=== Information provided ===

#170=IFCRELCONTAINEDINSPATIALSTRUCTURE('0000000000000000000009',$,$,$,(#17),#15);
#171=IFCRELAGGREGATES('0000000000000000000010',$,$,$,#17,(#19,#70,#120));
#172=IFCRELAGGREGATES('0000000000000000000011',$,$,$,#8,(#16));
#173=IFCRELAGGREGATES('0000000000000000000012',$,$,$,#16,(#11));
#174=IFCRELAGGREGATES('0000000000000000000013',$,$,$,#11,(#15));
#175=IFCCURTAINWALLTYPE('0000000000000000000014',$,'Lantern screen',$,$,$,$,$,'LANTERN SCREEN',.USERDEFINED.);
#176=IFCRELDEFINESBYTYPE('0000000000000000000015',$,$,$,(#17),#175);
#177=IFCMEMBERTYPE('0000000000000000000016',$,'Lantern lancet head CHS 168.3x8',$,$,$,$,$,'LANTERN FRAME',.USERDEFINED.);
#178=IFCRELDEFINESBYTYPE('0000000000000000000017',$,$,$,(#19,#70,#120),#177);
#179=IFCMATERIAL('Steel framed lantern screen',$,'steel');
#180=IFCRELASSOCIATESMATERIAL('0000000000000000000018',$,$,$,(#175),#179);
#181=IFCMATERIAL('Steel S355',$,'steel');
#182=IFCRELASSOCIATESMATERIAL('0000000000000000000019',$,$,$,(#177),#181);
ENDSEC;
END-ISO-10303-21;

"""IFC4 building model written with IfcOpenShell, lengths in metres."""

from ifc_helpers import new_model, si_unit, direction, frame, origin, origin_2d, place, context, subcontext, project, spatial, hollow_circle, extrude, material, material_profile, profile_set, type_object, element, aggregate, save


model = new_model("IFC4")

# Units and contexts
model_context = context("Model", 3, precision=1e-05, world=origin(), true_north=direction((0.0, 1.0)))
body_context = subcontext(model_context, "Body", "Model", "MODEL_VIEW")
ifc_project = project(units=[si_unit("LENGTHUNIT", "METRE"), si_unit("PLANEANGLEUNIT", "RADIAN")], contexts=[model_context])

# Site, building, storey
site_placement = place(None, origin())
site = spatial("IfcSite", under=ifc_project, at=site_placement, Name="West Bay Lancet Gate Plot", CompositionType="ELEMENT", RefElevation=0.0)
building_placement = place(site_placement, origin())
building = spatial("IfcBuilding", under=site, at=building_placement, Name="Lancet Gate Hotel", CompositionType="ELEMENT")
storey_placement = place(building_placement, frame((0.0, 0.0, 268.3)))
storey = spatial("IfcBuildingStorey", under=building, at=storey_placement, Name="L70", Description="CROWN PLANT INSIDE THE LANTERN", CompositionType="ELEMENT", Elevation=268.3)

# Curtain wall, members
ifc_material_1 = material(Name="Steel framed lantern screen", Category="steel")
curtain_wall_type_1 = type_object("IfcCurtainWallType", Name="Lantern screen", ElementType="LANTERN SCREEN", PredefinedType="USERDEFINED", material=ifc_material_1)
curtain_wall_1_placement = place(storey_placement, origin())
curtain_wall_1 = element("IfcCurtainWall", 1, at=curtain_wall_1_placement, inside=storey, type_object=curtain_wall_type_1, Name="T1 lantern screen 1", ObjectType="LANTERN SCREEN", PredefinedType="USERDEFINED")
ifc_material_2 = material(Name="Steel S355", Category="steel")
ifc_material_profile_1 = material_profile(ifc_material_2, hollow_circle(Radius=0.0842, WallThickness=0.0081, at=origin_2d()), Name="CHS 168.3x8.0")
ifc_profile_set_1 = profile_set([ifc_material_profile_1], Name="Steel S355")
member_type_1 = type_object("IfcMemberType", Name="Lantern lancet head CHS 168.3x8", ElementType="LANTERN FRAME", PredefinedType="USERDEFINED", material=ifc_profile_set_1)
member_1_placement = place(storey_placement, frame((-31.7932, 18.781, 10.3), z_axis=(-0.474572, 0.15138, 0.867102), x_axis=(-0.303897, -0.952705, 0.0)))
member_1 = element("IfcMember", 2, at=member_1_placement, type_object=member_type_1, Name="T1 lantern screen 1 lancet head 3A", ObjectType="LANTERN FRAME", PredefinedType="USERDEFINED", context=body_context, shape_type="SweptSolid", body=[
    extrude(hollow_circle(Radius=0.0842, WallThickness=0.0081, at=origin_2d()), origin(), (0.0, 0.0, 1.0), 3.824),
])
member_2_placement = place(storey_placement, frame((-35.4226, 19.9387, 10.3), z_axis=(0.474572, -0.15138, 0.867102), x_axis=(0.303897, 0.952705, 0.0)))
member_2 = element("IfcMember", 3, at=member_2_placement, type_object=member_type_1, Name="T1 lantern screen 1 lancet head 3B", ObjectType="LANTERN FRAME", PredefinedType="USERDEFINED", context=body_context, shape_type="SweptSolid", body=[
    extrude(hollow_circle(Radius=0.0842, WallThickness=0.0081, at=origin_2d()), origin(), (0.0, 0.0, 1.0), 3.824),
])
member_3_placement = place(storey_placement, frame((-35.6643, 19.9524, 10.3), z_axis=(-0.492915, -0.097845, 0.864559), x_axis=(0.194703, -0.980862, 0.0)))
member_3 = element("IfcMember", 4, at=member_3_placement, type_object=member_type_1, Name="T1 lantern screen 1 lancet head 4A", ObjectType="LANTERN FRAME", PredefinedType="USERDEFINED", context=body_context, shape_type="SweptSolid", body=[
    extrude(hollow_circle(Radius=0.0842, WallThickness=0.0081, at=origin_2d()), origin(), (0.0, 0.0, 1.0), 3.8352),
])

===

### Exercise details
Report all lines in the listing above that contain the word "Steel".

### Output below
#179=IFCMATERIAL('Steel framed lantern screen',$,'steel');
#181=IFCMATERIAL('Steel S355',$,'steel');
ifc_material_1 = material(Name="Steel framed lantern screen", Category="steel")
ifc_material_2 = material(Name="Steel S355", Category="steel")
ifc_profile_set_1 = profile_set([ifc_material_profile_1], Name="Steel S355")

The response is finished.